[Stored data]
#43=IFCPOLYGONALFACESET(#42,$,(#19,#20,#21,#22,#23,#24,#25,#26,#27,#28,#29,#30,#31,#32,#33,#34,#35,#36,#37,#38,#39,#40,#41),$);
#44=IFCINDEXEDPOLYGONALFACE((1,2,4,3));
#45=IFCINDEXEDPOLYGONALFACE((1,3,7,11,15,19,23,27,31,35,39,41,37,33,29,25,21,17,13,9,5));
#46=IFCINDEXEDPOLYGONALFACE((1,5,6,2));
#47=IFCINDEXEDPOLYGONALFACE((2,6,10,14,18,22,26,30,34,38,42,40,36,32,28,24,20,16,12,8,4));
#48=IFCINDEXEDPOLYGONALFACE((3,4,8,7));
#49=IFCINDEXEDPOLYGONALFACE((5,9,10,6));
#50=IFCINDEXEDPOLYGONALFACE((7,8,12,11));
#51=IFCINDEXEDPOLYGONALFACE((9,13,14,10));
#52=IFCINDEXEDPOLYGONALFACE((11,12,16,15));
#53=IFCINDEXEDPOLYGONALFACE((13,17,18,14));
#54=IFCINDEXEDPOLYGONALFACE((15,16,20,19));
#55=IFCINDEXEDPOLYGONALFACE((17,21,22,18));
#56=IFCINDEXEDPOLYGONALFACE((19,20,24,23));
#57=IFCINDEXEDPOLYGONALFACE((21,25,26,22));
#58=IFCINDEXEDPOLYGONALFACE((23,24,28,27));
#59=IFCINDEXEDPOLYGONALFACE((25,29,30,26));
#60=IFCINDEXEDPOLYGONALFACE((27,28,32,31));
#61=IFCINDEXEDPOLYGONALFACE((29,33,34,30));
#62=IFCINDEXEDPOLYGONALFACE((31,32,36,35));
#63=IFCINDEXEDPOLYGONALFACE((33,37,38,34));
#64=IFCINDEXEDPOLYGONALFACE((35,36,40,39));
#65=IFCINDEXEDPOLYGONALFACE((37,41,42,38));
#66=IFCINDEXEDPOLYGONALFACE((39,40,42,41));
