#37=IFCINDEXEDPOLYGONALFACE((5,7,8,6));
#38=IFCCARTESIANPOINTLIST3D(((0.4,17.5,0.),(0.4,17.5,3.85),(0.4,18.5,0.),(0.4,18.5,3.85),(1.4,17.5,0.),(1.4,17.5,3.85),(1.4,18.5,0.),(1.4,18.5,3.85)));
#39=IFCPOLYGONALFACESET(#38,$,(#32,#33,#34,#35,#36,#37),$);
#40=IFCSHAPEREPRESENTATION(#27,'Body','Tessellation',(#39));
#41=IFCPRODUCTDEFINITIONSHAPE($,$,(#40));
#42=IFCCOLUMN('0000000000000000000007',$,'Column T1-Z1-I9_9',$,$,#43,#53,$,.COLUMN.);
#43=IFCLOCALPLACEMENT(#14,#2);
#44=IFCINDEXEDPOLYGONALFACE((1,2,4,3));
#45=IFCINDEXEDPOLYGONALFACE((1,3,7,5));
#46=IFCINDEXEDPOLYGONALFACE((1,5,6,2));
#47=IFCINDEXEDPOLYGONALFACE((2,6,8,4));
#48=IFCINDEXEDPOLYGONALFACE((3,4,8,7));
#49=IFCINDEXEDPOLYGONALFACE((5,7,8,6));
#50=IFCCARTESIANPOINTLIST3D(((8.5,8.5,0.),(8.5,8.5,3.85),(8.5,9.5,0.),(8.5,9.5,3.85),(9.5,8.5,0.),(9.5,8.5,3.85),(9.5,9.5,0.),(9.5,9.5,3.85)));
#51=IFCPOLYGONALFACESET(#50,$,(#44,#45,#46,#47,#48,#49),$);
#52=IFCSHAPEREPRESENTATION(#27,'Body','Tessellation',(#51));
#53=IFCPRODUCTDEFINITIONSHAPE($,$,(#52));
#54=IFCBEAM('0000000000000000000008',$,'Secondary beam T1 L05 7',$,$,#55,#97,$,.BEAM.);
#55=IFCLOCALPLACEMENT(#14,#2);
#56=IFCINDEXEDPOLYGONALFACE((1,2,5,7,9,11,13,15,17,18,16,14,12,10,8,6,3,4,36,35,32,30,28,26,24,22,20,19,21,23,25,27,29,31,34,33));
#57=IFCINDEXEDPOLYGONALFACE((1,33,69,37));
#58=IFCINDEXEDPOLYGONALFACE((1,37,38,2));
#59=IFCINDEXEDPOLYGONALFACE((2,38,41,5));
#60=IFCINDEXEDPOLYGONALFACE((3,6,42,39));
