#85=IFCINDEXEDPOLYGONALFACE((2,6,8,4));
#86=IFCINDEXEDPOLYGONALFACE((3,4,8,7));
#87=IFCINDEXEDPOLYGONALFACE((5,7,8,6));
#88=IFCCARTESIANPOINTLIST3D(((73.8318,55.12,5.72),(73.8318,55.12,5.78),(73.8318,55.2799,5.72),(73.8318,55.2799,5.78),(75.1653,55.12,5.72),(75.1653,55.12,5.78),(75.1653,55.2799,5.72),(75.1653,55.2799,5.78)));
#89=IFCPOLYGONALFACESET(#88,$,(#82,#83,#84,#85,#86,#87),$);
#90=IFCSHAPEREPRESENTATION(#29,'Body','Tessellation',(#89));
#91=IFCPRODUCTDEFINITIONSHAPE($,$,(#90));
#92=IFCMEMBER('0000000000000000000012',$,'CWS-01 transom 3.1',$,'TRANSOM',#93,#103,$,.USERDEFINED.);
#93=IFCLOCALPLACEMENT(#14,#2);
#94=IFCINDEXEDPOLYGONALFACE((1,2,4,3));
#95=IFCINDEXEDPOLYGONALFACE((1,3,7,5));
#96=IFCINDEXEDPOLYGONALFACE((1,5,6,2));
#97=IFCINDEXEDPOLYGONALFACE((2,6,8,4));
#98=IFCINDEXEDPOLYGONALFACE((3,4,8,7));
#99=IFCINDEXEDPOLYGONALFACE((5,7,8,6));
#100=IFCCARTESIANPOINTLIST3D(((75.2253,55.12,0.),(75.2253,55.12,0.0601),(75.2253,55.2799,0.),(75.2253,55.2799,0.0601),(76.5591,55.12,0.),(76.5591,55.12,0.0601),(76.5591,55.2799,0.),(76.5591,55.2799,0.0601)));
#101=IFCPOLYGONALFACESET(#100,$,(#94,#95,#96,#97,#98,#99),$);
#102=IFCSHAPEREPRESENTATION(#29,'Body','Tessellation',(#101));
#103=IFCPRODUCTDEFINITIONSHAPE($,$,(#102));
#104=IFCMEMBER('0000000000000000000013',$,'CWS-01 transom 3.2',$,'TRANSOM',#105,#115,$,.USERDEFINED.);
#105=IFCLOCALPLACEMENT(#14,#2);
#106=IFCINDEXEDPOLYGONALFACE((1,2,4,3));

WHAT IS BEING ASKED:
Go through the records above and, whenever a line includes the word "transom", copy it.

EXERCISE OUTPUT:
#92=IFCMEMBER('0000000000000000000012',$,'CWS-01 transom 3.1',$,'TRANSOM',#93,#103,$,.USERDEFINED.);
#104=IFCMEMBER('0000000000000000000013',$,'CWS-01 transom 3.2',$,'TRANSOM',#105,#115,$,.USERDEFINED.);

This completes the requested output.